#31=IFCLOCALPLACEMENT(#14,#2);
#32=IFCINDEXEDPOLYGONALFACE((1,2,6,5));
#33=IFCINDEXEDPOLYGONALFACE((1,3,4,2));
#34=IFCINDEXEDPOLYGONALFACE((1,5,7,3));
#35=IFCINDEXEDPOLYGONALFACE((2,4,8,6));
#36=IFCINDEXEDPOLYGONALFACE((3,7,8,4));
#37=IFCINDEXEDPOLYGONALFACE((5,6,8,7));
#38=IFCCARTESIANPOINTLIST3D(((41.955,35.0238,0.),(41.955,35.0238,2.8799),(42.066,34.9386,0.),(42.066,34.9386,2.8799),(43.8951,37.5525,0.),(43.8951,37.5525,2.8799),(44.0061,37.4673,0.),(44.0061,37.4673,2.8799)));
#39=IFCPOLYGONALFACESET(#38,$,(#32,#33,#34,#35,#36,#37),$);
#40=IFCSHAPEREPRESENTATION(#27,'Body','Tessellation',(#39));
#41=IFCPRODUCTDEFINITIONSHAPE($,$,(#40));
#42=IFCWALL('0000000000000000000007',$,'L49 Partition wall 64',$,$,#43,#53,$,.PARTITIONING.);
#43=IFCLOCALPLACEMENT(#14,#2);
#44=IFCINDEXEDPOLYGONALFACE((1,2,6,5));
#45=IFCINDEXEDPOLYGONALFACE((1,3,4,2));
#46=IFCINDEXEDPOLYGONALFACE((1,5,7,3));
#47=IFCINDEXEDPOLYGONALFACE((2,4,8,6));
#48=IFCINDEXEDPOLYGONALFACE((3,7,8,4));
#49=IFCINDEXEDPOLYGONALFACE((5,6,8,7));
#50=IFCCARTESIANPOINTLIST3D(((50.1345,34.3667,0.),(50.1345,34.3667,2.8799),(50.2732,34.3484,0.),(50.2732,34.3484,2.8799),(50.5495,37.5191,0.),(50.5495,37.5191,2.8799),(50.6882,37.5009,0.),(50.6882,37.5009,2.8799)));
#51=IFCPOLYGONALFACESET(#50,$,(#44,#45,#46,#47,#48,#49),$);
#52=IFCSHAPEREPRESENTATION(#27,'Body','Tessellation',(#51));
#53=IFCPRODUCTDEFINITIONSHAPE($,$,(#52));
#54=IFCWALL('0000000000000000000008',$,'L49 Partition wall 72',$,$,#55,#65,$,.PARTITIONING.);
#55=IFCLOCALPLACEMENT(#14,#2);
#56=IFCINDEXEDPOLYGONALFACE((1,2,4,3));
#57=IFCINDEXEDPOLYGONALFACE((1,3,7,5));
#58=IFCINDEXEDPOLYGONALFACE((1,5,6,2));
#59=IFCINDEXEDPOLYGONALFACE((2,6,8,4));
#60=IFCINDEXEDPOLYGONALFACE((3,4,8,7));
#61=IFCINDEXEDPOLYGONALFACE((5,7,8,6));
+++++
WHAT IS NEEDED
Please reproduce all of the records exactly as they stand.

RESULT OF THIS EXERCISE
#31=IFCLOCALPLACEMENT(#14,#2);
#32=IFCINDEXEDPOLYGONALFACE((1,2,6,5));
#33=IFCINDEXEDPOLYGONALFACE((1,3,4,2));
#34=IFCINDEXEDPOLYGONALFACE((1,5,7,3));
#35=IFCINDEXEDPOLYGONALFACE((2,4,8,6));
#36=IFCINDEXEDPOLYGONALFACE((3,7,8,4));
#37=IFCINDEXEDPOLYGONALFACE((5,6,8,7));
#38=IFCCARTESIANPOINTLIST3D(((41.955,35.0238,0.),(41.955,35.0238,2.8799),(42.066,34.9386,0.),(42.066,34.9386,2.8799),(43.8951,37.5525,0.),(43.8951,37.5525,2.8799),(44.0061,37.4673,0.),(44.0061,37.4673,2.8799)));
#39=IFCPOLYGONALFACESET(#38,$,(#32,#33,#34,#35,#36,#37),$);
#40=IFCSHAPEREPRESENTATION(#27,'Body','Tessellation',(#39));
#41=IFCPRODUCTDEFINITIONSHAPE($,$,(#40));
#42=IFCWALL('0000000000000000000007',$,'L49 Partition wall 64',$,$,#43,#53,$,.PARTITIONING.);
#43=IFCLOCALPLACEMENT(#14,#2);
#44=IFCINDEXEDPOLYGONALFACE((1,2,6,5));
#45=IFCINDEXEDPOLYGONALFACE((1,3,4,2));
#46=IFCINDEXEDPOLYGONALFACE((1,5,7,3));
#47=IFCINDEXEDPOLYGONALFACE((2,4,8,6));
#48=IFCINDEXEDPOLYGONALFACE((3,7,8,4));
#49=IFCINDEXEDPOLYGONALFACE((5,6,8,7));
#50=IFCCARTESIANPOINTLIST3D(((50.1345,34.3667,0.),(50.1345,34.3667,2.8799),(50.2732,34.3484,0.),(50.2732,34.3484,2.8799),(50.5495,37.5191,0.),(50.5495,37.5191,2.8799),(50.6882,37.5009,0.),(50.6882,37.5009,2.8799)));
#51=IFCPOLYGONALFACESET(#50,$,(#44,#45,#46,#47,#48,#49),$);
#52=IFCSHAPEREPRESENTATION(#27,'Body','Tessellation',(#51));
#53=IFCPRODUCTDEFINITIONSHAPE($,$,(#52));
#54=IFCWALL('0000000000000000000008',$,'L49 Partition wall 72',$,$,#55,#65,$,.PARTITIONING.);
#55=IFCLOCALPLACEMENT(#14,#2);
#56=IFCINDEXEDPOLYGONALFACE((1,2,4,3));
#57=IFCINDEXEDPOLYGONALFACE((1,3,7,5));
#58=IFCINDEXEDPOLYGONALFACE((1,5,6,2));
#59=IFCINDEXEDPOLYGONALFACE((2,6,8,4));
#60=IFCINDEXEDPOLYGONALFACE((3,4,8,7));
#61=IFCINDEXEDPOLYGONALFACE((5,7,8,6));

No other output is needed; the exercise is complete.